⟨

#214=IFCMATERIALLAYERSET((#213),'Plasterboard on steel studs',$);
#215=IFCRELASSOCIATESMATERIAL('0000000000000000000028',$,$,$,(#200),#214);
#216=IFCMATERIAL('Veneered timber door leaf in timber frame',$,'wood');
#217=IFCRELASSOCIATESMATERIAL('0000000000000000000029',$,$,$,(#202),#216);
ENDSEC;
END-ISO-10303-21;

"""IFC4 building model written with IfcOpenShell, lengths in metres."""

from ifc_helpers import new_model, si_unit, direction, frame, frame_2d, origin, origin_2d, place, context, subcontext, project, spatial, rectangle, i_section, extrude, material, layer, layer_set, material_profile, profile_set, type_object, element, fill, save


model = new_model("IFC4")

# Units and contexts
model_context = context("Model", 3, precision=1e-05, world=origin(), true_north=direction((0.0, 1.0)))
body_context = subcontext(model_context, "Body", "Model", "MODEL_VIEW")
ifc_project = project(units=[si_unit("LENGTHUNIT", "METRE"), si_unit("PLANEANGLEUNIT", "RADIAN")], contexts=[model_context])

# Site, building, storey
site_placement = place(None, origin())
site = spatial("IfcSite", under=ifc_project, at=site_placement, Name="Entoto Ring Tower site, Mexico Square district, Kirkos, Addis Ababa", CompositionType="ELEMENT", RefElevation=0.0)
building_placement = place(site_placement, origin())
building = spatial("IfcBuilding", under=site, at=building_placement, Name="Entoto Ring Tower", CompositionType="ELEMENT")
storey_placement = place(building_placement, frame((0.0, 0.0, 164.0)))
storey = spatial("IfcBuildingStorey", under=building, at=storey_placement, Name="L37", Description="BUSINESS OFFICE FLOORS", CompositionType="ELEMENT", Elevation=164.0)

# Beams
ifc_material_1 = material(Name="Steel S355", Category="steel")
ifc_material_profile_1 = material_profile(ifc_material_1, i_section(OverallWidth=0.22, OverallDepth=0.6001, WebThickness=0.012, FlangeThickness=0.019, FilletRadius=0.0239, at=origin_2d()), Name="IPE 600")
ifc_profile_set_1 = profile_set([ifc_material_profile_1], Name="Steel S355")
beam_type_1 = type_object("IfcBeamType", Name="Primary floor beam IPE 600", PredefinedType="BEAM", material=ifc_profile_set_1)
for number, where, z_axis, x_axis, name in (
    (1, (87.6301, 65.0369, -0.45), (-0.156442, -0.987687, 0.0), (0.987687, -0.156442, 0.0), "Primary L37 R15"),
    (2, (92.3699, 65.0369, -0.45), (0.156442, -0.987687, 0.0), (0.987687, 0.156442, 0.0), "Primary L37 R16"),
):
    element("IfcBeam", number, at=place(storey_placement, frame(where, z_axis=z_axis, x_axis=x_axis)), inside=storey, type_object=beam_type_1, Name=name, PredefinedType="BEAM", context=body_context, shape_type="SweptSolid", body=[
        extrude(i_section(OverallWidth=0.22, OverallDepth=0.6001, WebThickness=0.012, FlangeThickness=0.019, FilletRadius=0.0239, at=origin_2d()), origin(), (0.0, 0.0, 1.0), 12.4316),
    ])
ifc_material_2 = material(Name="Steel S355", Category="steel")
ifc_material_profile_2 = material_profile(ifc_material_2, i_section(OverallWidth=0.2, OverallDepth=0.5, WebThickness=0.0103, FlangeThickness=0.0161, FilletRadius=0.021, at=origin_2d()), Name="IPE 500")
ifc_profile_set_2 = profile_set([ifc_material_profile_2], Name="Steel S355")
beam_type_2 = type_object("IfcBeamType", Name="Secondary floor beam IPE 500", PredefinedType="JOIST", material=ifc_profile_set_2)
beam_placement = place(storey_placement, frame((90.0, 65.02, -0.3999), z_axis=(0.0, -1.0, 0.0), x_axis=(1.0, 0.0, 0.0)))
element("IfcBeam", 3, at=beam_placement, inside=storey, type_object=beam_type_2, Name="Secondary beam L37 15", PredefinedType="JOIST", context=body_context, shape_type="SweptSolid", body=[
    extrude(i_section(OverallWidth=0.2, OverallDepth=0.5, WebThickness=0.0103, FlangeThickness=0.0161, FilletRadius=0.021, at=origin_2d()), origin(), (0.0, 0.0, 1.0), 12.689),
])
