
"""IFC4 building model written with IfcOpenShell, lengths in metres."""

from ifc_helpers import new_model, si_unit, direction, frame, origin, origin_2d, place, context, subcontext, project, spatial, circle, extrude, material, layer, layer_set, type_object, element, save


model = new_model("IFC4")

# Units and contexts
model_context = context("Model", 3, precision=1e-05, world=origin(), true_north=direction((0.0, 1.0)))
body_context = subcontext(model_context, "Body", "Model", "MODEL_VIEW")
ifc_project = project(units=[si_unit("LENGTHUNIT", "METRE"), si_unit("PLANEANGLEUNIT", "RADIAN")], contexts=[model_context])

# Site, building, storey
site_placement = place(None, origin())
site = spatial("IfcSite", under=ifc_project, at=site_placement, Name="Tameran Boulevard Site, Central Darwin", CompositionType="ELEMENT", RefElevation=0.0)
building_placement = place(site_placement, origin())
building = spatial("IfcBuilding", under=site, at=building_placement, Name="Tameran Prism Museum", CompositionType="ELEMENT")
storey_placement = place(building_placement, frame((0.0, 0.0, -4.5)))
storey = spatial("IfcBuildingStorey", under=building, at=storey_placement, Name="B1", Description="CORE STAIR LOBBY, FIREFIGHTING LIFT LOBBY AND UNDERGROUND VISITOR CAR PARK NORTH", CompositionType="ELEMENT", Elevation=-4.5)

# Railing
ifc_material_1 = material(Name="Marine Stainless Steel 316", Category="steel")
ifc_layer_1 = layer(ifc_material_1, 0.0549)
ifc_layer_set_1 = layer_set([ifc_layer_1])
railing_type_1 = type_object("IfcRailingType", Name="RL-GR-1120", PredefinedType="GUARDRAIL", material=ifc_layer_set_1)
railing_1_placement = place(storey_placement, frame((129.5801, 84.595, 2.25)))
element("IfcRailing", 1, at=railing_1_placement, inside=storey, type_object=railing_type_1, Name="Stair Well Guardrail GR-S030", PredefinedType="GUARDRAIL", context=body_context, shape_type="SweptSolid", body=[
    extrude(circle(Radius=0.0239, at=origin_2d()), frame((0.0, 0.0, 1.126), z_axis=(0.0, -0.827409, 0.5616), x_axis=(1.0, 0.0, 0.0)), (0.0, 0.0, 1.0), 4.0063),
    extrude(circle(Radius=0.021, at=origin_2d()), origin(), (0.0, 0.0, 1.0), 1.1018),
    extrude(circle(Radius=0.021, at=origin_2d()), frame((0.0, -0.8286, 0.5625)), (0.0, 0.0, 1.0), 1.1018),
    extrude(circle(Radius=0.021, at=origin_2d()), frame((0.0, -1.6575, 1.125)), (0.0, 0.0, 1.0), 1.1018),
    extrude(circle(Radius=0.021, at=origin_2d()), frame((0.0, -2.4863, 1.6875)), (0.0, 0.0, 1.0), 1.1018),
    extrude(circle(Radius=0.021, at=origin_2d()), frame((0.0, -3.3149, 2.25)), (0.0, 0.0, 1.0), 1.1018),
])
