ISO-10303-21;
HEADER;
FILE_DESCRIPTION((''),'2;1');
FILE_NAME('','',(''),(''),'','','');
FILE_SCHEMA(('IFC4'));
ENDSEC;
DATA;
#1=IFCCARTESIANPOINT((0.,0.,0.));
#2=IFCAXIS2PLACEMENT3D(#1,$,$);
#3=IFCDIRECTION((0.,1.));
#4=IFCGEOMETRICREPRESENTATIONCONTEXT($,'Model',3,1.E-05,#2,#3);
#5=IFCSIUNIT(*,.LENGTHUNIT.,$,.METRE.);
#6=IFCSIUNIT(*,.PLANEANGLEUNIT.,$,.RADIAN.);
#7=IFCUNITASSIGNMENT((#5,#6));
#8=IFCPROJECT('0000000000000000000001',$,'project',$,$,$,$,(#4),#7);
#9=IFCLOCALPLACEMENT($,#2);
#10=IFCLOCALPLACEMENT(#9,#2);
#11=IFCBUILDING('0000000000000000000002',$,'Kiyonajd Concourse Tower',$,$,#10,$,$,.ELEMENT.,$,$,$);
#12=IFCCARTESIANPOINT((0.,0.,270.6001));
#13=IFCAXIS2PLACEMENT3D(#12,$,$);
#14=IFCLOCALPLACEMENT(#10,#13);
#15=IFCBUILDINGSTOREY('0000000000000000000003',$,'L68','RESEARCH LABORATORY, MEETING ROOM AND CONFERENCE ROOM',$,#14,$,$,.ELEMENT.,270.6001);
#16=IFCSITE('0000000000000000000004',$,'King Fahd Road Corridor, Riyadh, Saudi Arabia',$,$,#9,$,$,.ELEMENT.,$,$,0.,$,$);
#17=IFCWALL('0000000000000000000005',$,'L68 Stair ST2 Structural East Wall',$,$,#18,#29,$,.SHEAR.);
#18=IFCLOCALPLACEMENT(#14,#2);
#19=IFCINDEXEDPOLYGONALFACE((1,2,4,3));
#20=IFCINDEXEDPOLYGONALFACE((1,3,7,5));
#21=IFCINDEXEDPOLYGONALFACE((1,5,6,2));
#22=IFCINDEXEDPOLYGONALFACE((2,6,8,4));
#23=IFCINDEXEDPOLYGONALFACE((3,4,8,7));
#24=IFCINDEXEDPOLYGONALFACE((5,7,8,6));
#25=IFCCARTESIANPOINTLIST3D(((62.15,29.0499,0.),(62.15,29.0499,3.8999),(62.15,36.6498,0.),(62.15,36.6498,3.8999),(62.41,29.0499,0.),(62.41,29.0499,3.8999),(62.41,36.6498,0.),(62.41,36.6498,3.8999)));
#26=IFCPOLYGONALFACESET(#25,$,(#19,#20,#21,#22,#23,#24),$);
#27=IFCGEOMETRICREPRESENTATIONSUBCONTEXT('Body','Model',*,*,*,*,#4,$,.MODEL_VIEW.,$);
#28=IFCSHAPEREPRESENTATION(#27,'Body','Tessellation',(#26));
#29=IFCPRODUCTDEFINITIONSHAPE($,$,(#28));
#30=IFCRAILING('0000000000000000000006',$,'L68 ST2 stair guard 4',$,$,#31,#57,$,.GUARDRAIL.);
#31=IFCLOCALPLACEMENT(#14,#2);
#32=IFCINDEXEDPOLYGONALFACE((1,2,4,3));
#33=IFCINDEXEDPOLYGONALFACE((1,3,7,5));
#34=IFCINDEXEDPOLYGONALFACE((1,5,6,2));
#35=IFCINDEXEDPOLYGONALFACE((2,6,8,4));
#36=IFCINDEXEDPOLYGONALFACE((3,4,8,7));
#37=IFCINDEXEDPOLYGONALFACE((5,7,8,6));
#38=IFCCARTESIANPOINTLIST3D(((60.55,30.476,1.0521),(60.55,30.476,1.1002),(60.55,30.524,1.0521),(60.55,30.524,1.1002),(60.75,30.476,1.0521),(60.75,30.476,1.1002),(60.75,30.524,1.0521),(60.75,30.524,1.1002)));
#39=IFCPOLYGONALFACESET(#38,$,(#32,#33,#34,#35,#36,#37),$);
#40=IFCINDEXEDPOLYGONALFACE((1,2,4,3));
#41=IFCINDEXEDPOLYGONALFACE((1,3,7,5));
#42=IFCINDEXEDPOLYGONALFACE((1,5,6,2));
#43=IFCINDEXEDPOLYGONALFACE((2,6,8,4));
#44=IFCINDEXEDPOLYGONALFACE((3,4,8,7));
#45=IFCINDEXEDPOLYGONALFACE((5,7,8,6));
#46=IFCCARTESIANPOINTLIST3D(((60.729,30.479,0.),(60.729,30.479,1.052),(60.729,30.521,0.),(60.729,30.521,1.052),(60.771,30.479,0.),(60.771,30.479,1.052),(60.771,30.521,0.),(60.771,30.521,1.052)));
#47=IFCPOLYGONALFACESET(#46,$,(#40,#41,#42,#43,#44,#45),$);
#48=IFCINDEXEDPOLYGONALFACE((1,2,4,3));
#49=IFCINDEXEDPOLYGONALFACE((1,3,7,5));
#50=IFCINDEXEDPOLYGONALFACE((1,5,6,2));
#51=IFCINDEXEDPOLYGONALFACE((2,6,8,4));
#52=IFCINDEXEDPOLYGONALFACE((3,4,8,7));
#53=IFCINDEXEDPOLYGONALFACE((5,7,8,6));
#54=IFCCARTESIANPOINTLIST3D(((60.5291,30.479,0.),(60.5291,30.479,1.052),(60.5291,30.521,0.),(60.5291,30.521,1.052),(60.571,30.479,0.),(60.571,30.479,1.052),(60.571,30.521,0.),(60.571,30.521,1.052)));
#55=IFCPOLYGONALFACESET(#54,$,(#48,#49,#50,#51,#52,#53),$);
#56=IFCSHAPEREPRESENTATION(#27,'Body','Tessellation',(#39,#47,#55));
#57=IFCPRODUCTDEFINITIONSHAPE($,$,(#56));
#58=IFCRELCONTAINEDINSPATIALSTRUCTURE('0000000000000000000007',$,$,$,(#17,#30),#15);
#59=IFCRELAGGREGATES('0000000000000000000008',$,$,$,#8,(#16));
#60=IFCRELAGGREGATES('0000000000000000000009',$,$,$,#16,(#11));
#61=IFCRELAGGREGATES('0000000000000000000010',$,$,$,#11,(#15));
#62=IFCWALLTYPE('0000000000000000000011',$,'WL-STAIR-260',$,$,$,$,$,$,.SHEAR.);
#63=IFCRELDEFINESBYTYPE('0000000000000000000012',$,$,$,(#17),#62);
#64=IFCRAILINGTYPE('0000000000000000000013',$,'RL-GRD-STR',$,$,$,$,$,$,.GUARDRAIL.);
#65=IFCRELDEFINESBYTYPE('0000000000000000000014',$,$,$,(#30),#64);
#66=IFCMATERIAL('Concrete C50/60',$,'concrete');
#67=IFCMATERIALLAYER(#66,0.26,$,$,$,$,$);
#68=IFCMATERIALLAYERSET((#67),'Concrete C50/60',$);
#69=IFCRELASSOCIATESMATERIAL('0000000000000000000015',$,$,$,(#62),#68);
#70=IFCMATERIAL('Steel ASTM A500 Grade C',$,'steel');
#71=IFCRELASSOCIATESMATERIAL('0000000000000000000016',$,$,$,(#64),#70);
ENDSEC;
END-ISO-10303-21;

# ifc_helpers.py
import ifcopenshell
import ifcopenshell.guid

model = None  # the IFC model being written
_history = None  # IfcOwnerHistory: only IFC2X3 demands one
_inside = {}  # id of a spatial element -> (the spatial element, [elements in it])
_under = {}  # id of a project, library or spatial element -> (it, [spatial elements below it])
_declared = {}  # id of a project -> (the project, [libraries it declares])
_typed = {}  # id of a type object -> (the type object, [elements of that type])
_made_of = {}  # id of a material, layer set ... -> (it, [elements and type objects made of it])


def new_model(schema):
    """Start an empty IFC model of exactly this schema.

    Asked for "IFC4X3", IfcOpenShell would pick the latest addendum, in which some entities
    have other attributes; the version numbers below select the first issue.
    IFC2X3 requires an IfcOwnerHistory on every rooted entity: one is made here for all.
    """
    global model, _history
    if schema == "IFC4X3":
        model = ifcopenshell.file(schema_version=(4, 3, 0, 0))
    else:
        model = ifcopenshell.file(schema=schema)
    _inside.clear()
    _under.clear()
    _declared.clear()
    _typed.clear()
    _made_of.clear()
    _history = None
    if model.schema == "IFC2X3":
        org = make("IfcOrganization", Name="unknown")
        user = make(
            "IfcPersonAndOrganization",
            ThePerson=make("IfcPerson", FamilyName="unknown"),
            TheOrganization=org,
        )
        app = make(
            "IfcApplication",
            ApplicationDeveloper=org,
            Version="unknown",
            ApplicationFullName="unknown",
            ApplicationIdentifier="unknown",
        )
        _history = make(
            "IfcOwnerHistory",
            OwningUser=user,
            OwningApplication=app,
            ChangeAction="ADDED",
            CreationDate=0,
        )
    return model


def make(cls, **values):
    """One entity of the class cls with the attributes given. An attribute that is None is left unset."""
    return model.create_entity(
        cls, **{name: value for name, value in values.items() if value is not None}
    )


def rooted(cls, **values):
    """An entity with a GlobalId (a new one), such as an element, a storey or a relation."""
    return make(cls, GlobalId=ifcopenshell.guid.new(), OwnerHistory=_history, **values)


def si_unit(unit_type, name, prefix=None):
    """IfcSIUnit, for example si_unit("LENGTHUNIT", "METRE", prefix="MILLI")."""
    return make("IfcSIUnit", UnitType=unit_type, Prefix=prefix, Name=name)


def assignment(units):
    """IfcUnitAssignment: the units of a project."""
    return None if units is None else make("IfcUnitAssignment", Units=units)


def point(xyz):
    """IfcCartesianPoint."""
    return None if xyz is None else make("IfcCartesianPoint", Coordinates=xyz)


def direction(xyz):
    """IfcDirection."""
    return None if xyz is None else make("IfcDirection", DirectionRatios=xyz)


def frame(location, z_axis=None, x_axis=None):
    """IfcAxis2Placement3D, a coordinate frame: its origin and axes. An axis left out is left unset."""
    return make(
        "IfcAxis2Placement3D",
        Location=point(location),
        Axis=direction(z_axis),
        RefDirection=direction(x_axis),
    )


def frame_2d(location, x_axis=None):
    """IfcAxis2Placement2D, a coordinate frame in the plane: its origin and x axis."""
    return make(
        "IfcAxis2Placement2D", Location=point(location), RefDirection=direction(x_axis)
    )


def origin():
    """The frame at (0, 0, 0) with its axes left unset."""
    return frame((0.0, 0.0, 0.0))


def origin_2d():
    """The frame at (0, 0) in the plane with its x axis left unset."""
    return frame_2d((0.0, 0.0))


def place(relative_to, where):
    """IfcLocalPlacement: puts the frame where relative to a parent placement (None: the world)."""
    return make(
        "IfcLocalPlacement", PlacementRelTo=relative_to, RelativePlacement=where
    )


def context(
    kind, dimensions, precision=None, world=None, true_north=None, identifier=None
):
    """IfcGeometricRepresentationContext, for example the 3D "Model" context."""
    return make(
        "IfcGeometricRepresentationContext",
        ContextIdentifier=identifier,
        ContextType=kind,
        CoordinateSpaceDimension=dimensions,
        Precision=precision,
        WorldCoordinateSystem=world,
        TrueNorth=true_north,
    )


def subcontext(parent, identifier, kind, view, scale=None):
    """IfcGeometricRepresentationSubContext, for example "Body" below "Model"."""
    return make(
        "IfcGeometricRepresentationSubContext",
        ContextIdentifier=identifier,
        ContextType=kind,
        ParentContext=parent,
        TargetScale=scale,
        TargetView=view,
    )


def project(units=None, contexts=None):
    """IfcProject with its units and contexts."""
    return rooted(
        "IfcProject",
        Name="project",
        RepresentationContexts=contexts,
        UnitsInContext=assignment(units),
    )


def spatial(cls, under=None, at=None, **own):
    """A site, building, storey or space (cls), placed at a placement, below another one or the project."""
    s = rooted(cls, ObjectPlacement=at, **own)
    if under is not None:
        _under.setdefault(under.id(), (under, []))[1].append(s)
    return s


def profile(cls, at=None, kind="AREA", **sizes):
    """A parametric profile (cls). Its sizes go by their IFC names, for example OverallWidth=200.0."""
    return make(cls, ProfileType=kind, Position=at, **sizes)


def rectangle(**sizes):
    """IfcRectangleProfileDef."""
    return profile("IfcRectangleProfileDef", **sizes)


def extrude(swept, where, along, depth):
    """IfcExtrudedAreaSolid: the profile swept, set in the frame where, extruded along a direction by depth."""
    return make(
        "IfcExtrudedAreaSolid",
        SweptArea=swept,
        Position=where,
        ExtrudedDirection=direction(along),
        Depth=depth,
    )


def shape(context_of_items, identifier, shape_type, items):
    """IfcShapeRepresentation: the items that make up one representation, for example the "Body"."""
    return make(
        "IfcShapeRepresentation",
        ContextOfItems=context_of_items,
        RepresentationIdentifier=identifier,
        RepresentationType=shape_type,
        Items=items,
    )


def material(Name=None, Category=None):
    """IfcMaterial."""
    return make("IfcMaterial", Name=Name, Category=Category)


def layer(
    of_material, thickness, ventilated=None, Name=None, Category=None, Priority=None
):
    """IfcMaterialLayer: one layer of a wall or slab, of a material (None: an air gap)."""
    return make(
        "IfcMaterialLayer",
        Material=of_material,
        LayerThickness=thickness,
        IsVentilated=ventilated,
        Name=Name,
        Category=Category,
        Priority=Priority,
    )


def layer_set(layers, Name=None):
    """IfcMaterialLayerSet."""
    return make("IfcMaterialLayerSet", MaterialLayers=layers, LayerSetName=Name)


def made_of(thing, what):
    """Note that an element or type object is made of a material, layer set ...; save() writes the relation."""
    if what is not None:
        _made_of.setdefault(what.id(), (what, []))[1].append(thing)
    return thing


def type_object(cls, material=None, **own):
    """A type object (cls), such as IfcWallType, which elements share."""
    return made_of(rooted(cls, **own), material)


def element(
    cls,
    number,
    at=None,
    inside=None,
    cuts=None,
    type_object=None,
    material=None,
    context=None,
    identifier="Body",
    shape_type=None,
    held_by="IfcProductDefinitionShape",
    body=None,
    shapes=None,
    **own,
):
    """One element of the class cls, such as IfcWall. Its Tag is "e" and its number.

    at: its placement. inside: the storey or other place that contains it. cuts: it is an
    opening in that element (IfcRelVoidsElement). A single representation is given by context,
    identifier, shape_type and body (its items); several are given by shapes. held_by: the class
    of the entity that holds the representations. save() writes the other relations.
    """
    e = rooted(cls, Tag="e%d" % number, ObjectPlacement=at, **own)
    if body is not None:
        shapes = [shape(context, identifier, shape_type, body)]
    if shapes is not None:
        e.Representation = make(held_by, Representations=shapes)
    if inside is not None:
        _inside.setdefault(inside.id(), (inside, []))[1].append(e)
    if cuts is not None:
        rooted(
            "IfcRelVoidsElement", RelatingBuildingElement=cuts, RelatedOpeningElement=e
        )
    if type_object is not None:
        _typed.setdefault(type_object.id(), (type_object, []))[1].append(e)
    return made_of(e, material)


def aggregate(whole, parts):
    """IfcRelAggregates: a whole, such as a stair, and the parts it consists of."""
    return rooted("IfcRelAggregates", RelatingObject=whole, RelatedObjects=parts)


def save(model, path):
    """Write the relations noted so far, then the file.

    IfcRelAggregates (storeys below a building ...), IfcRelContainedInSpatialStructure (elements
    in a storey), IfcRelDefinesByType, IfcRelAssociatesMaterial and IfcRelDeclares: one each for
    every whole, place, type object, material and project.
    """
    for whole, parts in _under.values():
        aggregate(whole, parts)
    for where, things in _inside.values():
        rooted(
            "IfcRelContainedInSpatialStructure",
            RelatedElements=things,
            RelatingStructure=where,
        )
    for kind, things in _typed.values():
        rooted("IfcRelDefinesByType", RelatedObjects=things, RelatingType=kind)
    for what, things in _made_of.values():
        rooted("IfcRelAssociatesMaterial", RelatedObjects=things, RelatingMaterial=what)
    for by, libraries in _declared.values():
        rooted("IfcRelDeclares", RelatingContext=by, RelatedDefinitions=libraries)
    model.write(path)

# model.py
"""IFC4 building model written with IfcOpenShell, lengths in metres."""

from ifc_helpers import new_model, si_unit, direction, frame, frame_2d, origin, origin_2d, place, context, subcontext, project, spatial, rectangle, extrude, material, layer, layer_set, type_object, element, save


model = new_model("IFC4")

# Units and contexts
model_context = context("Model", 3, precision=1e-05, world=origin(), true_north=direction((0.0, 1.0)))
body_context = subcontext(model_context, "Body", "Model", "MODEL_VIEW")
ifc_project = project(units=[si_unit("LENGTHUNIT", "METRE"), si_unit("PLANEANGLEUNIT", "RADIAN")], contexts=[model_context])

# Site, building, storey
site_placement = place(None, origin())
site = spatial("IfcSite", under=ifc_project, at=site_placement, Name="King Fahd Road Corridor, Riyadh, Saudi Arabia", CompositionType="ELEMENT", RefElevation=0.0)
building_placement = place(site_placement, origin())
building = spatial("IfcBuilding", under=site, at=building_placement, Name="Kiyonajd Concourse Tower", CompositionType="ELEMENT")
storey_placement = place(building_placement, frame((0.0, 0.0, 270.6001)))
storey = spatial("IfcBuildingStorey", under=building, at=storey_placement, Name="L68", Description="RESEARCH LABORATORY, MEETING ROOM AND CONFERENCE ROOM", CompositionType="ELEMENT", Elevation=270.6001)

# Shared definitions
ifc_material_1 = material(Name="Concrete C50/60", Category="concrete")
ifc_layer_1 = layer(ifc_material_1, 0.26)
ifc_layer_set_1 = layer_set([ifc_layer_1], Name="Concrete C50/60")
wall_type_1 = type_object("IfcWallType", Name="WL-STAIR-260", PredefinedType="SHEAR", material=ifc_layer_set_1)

⟩

**Aim of the task:**
Take the line above containing "for whole, parts", the line containing "for kind, things", and all lines in between, and copy them exactly without anything else.

**Solution for this exercise:**
    for whole, parts in _under.values():
        aggregate(whole, parts)
    for where, things in _inside.values():
        rooted(
            "IfcRelContainedInSpatialStructure",
            RelatedElements=things,
            RelatingStructure=where,
        )
    for kind, things in _typed.values():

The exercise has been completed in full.